▶ **What you need to do**: Go through the entries below and copy every line that holds the word "IFCPRODUCTDEFINITIONSHAPE".

(Items from a dataset)
● ● ● ●

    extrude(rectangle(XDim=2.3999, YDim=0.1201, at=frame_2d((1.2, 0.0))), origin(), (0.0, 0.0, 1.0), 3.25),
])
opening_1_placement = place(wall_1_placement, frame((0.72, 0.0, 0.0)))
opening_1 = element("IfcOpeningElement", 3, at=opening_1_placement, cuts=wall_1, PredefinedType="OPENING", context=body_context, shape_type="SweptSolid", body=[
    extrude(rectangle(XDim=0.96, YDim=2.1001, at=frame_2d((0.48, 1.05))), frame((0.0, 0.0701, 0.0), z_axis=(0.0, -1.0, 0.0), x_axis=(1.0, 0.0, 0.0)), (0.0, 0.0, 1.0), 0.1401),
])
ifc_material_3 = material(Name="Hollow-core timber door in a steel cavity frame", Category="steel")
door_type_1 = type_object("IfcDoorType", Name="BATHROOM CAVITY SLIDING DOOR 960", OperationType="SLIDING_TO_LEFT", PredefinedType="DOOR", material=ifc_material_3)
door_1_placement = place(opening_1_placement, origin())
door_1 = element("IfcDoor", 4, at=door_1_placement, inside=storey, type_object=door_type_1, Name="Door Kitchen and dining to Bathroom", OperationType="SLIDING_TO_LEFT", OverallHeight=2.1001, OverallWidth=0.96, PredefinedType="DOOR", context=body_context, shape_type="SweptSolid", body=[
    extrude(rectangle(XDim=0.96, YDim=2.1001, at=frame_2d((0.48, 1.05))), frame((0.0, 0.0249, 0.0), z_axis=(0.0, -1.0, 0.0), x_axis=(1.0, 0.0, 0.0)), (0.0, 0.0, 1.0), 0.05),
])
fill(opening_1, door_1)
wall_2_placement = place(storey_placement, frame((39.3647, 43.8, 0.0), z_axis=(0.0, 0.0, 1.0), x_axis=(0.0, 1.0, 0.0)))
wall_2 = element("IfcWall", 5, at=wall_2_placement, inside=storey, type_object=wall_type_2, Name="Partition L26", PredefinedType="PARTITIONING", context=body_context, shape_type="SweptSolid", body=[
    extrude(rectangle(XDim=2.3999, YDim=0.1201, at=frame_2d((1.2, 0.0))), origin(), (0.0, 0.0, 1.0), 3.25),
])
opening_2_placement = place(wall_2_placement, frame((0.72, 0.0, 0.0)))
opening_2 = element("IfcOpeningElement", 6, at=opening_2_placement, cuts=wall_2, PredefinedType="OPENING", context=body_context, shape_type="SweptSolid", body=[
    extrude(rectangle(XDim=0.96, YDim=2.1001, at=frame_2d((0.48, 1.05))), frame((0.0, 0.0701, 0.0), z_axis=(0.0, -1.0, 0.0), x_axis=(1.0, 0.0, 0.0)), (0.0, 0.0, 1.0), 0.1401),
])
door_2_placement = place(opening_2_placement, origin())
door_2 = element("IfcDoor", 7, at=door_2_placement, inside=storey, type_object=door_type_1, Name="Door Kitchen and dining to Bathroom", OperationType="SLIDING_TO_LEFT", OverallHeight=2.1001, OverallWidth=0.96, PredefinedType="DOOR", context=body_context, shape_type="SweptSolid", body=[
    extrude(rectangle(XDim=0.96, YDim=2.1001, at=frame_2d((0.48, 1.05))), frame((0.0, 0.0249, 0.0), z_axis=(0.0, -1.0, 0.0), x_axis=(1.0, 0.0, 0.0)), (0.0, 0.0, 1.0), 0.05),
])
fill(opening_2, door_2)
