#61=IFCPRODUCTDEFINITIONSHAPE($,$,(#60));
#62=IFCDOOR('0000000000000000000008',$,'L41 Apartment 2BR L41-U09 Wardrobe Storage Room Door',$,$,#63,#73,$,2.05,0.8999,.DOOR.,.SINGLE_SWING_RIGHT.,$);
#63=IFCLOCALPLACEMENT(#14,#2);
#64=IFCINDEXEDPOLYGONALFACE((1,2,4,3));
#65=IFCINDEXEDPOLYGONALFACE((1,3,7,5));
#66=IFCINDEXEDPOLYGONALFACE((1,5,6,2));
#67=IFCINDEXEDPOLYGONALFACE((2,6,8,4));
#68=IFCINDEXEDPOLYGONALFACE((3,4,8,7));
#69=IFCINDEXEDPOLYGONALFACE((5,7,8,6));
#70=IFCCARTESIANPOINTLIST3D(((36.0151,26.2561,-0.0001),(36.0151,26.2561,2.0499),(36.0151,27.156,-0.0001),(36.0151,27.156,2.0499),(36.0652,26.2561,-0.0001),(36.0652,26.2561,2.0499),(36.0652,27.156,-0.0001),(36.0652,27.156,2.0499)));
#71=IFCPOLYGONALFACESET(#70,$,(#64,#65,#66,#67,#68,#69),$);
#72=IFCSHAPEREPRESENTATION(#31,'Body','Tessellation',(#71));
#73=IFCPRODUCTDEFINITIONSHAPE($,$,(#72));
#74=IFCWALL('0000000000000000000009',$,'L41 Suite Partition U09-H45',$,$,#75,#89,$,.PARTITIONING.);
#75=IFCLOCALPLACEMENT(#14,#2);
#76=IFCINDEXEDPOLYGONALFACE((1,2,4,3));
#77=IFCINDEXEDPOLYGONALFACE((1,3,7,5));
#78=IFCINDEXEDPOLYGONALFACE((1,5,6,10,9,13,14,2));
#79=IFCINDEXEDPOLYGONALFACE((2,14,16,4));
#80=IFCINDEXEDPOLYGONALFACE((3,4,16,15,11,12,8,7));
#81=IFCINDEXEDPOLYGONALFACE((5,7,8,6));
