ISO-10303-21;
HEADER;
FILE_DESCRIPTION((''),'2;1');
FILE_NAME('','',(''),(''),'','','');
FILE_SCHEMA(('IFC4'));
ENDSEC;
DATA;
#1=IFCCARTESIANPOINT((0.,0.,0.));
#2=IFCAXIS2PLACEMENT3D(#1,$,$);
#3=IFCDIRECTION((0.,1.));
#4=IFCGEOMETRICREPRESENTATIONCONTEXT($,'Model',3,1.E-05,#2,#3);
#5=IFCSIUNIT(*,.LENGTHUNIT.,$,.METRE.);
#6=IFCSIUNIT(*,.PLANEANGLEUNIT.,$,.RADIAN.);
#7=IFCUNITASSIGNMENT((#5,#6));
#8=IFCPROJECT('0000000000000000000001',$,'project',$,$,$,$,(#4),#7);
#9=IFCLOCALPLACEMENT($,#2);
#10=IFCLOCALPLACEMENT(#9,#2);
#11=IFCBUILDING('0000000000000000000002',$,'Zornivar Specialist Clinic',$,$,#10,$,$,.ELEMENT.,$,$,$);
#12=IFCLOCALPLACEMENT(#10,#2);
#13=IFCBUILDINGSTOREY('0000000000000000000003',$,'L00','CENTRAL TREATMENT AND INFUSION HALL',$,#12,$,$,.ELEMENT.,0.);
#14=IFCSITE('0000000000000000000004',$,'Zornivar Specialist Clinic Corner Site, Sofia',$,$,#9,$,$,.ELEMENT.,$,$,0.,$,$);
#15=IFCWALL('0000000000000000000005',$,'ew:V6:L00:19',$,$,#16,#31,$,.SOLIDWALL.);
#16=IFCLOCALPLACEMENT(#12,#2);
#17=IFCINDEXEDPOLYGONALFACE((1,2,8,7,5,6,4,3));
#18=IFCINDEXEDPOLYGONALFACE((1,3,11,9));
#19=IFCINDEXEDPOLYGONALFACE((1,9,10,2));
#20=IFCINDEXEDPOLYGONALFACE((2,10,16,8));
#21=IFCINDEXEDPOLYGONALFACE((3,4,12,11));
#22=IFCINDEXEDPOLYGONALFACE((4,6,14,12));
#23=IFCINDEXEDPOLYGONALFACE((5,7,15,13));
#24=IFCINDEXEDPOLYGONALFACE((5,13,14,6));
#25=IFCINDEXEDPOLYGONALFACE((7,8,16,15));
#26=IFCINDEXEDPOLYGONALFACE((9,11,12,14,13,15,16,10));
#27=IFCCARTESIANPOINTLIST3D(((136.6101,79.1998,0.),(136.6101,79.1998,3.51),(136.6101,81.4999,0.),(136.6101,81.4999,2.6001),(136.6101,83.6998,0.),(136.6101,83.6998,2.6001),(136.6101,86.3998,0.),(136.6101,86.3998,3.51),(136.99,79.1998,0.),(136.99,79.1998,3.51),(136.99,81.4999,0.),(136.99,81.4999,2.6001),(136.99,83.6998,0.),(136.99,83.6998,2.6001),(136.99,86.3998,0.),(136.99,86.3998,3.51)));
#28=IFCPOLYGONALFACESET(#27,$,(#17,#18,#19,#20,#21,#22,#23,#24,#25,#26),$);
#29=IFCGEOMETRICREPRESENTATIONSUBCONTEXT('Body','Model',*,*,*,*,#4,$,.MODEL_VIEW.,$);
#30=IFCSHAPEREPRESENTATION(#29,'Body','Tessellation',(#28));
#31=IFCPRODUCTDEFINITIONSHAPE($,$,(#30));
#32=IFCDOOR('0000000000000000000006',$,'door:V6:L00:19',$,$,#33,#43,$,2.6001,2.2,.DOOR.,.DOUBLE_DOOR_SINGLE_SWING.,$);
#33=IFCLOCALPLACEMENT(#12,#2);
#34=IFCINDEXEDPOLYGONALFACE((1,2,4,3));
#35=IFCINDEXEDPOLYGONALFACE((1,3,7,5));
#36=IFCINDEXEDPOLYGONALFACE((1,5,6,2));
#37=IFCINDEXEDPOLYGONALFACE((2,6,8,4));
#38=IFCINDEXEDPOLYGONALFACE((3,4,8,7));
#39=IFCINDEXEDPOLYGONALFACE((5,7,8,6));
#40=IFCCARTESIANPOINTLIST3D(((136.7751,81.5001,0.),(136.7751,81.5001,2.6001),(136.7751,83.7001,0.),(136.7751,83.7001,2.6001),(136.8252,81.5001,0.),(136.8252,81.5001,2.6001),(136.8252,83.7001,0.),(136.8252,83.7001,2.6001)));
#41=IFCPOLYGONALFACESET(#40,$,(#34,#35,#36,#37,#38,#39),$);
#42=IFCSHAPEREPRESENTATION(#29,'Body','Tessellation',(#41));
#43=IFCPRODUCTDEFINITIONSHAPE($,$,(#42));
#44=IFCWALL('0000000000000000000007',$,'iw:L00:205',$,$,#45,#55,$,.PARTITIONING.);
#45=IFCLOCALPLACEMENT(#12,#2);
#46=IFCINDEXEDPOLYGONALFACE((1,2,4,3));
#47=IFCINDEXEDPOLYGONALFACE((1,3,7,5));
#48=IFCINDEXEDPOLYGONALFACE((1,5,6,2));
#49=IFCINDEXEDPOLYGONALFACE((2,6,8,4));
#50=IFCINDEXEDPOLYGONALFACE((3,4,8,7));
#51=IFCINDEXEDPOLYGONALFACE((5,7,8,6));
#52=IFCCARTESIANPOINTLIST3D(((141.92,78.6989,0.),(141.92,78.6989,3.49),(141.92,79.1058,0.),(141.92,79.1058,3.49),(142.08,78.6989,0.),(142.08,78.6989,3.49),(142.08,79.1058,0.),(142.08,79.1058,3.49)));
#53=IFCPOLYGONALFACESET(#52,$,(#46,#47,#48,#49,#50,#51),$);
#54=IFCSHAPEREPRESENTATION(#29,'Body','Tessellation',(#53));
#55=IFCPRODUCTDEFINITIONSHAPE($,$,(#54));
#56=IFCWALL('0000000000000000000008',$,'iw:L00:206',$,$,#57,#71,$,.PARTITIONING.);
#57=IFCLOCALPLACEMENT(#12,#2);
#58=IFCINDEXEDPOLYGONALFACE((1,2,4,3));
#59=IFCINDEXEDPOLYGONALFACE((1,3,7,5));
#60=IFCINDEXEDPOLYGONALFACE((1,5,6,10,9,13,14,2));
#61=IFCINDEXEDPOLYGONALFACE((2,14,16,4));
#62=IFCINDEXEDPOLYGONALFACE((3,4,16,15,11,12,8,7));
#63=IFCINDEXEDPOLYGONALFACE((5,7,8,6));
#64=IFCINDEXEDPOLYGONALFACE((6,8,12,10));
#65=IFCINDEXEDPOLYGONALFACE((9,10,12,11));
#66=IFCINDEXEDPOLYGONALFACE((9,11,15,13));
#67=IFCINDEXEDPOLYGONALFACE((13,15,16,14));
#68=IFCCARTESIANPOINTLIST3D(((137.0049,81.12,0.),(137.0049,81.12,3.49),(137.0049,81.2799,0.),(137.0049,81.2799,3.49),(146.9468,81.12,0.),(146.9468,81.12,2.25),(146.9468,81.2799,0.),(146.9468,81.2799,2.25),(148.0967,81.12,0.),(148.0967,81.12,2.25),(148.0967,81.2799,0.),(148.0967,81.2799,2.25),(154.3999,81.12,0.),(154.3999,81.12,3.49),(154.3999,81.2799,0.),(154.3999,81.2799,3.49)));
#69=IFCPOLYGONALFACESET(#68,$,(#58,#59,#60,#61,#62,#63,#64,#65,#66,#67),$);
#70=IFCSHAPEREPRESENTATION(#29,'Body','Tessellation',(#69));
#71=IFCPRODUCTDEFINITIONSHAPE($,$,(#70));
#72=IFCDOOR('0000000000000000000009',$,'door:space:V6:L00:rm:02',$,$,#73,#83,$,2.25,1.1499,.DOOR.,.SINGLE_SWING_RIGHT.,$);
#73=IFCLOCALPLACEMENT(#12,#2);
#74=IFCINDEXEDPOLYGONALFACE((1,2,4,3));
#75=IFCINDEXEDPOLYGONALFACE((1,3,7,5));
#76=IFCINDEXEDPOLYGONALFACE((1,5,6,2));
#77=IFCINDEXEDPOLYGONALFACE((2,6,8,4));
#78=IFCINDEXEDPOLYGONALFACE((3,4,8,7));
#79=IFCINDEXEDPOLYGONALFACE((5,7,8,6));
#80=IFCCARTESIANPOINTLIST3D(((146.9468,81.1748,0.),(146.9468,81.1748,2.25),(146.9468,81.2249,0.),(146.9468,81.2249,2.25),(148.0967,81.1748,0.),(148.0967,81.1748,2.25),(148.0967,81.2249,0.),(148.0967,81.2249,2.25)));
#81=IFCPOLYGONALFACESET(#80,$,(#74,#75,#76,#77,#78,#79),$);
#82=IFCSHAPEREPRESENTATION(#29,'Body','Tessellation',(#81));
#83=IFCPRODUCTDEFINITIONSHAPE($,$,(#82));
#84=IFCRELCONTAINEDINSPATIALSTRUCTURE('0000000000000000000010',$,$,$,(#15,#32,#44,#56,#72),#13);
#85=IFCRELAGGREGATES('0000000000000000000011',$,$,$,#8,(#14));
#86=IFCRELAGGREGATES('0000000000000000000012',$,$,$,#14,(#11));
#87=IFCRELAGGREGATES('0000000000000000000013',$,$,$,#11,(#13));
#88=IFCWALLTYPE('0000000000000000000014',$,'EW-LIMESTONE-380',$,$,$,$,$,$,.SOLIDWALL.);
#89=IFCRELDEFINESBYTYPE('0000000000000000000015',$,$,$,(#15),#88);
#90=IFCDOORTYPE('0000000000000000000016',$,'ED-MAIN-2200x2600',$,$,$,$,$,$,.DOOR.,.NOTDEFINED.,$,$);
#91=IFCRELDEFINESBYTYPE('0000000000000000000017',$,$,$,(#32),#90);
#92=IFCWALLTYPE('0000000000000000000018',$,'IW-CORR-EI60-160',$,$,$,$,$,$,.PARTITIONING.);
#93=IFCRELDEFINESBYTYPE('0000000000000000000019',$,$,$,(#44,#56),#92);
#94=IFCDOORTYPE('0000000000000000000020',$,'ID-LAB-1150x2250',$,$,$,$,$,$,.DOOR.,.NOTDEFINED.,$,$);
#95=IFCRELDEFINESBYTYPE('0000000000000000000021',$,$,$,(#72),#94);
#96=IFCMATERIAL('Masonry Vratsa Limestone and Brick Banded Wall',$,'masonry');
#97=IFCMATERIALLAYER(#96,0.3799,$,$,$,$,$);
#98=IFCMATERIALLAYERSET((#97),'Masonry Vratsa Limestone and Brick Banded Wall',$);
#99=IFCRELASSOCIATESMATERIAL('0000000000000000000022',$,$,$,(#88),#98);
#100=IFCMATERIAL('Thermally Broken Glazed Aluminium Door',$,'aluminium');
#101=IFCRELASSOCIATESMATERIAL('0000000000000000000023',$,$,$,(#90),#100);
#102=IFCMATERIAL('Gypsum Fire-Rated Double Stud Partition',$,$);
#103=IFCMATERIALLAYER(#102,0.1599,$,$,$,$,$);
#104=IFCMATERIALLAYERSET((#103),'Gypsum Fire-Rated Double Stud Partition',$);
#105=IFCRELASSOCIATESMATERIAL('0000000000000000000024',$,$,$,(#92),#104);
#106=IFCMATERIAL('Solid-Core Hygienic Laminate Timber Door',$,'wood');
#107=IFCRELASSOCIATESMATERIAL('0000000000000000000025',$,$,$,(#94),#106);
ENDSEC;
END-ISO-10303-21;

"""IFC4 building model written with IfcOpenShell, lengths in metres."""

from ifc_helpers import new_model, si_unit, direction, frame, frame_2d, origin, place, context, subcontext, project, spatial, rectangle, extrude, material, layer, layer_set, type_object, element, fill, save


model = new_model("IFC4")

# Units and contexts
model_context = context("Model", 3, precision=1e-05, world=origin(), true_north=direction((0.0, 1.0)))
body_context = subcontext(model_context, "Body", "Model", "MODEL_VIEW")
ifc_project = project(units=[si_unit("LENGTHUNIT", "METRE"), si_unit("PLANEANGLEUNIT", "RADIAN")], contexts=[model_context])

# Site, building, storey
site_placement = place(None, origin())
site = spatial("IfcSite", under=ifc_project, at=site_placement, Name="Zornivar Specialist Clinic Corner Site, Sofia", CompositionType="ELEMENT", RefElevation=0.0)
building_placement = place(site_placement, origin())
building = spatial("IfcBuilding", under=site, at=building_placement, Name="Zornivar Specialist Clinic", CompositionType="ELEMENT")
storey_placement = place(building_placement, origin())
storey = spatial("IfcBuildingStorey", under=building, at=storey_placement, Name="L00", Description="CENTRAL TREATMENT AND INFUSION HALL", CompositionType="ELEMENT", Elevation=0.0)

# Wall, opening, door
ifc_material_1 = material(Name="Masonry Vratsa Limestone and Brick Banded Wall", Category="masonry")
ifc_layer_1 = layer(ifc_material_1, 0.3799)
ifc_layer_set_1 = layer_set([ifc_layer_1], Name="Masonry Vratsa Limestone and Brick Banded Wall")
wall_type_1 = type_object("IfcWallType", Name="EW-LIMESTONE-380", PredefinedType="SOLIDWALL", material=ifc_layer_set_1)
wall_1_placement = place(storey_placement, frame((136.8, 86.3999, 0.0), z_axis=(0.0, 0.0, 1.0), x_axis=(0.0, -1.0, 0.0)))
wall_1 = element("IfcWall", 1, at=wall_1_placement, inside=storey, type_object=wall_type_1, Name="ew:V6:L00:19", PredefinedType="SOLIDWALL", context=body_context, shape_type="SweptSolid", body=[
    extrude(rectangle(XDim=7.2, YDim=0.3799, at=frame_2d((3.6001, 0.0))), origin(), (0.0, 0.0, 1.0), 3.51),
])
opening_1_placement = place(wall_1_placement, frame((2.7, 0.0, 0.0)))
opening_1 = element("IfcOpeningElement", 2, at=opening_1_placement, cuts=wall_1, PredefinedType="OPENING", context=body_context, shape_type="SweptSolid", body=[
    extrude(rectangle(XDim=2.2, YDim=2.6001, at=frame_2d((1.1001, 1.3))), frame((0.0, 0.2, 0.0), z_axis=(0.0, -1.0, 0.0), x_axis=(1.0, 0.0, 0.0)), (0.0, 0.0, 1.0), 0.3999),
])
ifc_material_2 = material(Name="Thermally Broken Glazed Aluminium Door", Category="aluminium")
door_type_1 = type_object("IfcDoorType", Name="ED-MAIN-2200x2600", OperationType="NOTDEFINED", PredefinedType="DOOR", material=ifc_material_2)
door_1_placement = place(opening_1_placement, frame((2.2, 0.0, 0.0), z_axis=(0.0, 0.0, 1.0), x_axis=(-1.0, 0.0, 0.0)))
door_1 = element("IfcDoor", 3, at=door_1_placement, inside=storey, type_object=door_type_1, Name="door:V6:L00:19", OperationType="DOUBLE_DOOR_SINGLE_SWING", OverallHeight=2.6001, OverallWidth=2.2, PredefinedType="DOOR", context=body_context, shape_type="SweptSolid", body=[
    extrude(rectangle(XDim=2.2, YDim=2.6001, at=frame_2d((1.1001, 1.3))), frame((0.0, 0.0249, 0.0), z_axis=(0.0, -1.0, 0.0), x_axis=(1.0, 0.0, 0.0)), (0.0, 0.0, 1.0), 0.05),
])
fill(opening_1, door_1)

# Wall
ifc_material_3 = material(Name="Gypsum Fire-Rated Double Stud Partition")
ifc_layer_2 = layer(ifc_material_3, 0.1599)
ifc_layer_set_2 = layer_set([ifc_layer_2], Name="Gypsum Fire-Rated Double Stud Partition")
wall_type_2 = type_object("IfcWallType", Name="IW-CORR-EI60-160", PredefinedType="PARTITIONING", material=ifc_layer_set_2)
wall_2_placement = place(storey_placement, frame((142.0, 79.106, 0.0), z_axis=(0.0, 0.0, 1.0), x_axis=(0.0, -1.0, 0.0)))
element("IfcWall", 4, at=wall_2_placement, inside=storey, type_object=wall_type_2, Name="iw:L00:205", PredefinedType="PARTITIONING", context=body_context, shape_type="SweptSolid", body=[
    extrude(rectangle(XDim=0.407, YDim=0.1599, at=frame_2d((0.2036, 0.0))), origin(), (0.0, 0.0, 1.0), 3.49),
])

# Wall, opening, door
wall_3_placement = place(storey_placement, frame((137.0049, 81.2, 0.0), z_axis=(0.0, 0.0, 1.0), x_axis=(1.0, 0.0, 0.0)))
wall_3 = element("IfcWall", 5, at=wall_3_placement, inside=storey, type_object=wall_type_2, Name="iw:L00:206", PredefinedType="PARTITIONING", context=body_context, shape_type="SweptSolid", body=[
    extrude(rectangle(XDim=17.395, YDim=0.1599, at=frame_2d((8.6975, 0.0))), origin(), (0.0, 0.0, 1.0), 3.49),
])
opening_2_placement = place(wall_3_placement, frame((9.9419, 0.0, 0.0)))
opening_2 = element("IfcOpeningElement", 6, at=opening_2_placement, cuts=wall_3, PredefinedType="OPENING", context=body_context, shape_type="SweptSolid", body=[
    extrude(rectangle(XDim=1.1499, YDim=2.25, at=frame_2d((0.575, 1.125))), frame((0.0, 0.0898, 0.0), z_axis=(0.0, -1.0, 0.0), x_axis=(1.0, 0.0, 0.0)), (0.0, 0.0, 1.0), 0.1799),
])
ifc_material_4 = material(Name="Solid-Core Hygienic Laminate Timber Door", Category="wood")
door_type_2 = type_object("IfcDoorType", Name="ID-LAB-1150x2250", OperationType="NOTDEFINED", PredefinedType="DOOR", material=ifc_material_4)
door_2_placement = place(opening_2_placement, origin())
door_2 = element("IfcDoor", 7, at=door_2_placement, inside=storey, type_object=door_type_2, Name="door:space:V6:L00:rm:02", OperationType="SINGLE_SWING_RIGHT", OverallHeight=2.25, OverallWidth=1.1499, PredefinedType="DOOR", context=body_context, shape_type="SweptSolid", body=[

● ● ● ●

▶ **Task solution**:
#61=IFCPRODUCTDEFINITIONSHAPE($,$,(#60));
#73=IFCPRODUCTDEFINITIONSHAPE($,$,(#72));
#31=IFCPRODUCTDEFINITIONSHAPE($,$,(#30));
#43=IFCPRODUCTDEFINITIONSHAPE($,$,(#42));
#55=IFCPRODUCTDEFINITIONSHAPE($,$,(#54));
#71=IFCPRODUCTDEFINITIONSHAPE($,$,(#70));
#83=IFCPRODUCTDEFINITIONSHAPE($,$,(#82));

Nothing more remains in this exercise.